### Task details
The stretch wanted below opens at the line containing "#103=IFCMEMBER('0000000000000000000008',$,'L17 Truss Bottom" and closes at the line containing "#109=IFCINDEXEDPOLYGONALFACE((3,5,13,11));". Please return it exactly, with no other lines.

BEGIN

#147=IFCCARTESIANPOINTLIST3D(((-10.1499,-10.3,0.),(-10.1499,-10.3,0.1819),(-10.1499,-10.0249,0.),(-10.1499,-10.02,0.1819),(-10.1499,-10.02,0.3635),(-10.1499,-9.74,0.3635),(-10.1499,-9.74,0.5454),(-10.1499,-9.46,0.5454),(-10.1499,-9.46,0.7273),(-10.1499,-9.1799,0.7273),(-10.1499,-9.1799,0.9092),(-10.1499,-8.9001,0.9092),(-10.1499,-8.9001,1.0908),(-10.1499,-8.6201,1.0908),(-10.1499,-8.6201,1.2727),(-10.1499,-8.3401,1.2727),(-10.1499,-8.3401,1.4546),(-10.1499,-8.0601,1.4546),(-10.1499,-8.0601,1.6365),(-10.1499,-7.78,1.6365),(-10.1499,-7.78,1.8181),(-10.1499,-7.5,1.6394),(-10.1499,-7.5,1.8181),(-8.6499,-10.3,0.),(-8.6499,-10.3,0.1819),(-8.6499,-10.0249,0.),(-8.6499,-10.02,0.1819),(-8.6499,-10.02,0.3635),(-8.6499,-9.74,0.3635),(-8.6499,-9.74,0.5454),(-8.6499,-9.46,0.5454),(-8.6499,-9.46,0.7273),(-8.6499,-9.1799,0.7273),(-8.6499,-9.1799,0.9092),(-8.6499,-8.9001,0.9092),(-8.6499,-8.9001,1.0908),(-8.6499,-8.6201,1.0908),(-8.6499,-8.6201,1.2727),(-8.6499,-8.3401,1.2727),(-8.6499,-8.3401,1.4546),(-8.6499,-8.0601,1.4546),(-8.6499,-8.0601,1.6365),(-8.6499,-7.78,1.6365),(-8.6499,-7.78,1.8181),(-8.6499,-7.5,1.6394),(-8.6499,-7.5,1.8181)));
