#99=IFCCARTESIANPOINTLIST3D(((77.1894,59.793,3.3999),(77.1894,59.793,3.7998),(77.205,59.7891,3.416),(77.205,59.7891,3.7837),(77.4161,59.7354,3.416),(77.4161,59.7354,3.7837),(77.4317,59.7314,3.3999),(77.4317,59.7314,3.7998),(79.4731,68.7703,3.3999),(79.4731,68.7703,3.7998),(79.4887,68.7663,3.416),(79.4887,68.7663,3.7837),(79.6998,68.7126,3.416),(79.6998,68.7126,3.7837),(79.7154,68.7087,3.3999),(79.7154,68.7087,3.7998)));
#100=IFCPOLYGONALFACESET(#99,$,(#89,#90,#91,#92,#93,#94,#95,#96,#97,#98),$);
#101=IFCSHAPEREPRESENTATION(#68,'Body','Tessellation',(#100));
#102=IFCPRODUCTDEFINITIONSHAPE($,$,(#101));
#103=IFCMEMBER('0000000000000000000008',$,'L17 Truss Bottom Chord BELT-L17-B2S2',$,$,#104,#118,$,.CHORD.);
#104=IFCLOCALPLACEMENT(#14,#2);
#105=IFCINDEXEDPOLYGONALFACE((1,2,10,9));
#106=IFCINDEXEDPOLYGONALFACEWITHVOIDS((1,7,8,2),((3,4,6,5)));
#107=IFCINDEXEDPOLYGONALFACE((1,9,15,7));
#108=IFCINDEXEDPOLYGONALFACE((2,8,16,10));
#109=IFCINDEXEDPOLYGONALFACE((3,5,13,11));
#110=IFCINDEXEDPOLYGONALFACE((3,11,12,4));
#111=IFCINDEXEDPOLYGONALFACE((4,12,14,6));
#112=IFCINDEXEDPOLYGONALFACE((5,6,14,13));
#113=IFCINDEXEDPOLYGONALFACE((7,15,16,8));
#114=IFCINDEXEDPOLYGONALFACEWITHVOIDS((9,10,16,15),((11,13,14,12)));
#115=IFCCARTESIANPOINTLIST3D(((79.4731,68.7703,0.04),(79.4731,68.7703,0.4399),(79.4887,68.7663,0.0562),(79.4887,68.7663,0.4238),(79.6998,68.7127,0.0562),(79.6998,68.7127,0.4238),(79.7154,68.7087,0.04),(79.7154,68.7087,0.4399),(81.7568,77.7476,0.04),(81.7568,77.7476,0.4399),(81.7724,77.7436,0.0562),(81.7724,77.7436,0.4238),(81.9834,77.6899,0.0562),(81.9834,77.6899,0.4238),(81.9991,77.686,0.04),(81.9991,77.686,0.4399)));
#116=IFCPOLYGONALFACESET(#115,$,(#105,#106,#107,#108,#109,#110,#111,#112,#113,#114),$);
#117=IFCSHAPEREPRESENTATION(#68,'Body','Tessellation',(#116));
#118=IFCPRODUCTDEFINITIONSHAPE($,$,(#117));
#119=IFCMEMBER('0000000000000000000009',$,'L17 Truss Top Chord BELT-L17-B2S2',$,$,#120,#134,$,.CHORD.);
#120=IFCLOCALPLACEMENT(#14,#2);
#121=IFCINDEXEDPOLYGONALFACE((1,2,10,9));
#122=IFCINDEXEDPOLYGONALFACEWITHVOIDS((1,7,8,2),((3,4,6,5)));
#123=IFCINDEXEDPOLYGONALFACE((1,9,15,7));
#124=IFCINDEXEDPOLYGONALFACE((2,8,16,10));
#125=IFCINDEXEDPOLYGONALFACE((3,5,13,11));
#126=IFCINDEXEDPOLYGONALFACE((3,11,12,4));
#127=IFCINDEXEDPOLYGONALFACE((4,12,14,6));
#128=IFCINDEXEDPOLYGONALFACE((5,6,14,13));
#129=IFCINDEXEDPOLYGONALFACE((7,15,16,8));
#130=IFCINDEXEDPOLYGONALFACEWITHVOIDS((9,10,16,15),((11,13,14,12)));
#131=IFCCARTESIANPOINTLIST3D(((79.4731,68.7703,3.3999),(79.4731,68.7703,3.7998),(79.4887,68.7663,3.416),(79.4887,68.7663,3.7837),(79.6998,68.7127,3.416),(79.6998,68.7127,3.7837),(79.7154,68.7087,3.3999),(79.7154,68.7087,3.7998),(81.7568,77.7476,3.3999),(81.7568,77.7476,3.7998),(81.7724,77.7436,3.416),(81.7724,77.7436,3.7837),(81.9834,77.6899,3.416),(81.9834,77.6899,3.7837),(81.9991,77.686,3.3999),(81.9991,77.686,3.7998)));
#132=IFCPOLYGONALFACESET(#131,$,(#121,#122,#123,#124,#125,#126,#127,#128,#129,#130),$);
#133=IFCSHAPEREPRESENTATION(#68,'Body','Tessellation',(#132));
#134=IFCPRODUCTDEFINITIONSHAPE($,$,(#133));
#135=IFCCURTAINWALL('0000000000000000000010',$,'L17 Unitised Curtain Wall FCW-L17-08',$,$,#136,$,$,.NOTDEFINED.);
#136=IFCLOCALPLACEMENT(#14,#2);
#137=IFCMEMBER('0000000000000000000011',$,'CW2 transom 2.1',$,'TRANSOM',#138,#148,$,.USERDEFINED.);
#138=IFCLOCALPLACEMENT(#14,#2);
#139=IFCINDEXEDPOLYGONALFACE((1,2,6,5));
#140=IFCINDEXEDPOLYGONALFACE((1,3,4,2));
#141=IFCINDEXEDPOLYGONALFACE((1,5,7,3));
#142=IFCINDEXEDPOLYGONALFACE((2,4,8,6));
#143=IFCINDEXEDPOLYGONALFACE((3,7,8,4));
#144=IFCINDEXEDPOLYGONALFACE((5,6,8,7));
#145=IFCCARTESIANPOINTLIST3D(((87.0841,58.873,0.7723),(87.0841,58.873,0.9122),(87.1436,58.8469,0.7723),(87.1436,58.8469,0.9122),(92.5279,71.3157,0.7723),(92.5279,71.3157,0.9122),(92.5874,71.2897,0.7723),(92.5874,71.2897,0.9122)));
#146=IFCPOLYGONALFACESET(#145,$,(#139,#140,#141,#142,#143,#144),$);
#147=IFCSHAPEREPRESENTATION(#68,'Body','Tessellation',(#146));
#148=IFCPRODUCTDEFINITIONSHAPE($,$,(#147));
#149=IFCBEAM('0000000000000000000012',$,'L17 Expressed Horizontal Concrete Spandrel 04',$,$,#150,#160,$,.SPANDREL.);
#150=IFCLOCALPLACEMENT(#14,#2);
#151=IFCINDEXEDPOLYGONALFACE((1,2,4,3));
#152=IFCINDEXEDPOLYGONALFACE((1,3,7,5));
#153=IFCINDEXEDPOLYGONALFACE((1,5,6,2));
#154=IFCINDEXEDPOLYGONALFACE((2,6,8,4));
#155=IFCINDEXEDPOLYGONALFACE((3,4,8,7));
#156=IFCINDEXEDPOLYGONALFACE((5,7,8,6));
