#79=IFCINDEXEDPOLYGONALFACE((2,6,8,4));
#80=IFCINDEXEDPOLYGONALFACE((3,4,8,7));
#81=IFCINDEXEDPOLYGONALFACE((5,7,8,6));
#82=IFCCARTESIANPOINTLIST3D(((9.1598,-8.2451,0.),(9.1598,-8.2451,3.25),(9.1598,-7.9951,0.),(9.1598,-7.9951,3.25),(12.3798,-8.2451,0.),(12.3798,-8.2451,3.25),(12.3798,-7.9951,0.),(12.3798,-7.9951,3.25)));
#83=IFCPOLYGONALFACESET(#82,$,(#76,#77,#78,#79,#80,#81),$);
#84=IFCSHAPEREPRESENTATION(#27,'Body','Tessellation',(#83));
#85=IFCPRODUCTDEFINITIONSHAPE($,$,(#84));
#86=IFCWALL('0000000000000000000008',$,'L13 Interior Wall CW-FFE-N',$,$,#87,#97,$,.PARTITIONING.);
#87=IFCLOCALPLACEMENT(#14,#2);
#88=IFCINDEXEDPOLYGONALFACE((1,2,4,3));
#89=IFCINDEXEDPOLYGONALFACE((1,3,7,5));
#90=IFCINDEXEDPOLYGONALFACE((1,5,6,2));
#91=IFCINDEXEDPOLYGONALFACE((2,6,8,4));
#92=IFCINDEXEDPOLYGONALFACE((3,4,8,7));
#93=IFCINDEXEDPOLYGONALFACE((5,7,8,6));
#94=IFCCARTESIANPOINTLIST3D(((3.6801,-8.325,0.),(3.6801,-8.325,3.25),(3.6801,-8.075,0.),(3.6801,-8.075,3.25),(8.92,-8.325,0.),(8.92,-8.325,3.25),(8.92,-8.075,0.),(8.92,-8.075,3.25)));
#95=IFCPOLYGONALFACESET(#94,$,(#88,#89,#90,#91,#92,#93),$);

END

### Answer below
#103=IFCMEMBER('0000000000000000000008',$,'L17 Truss Bottom Chord BELT-L17-B2S2',$,$,#104,#118,$,.CHORD.);
#104=IFCLOCALPLACEMENT(#14,#2);
#105=IFCINDEXEDPOLYGONALFACE((1,2,10,9));
#106=IFCINDEXEDPOLYGONALFACEWITHVOIDS((1,7,8,2),((3,4,6,5)));
#107=IFCINDEXEDPOLYGONALFACE((1,9,15,7));
#108=IFCINDEXEDPOLYGONALFACE((2,8,16,10));
#109=IFCINDEXEDPOLYGONALFACE((3,5,13,11));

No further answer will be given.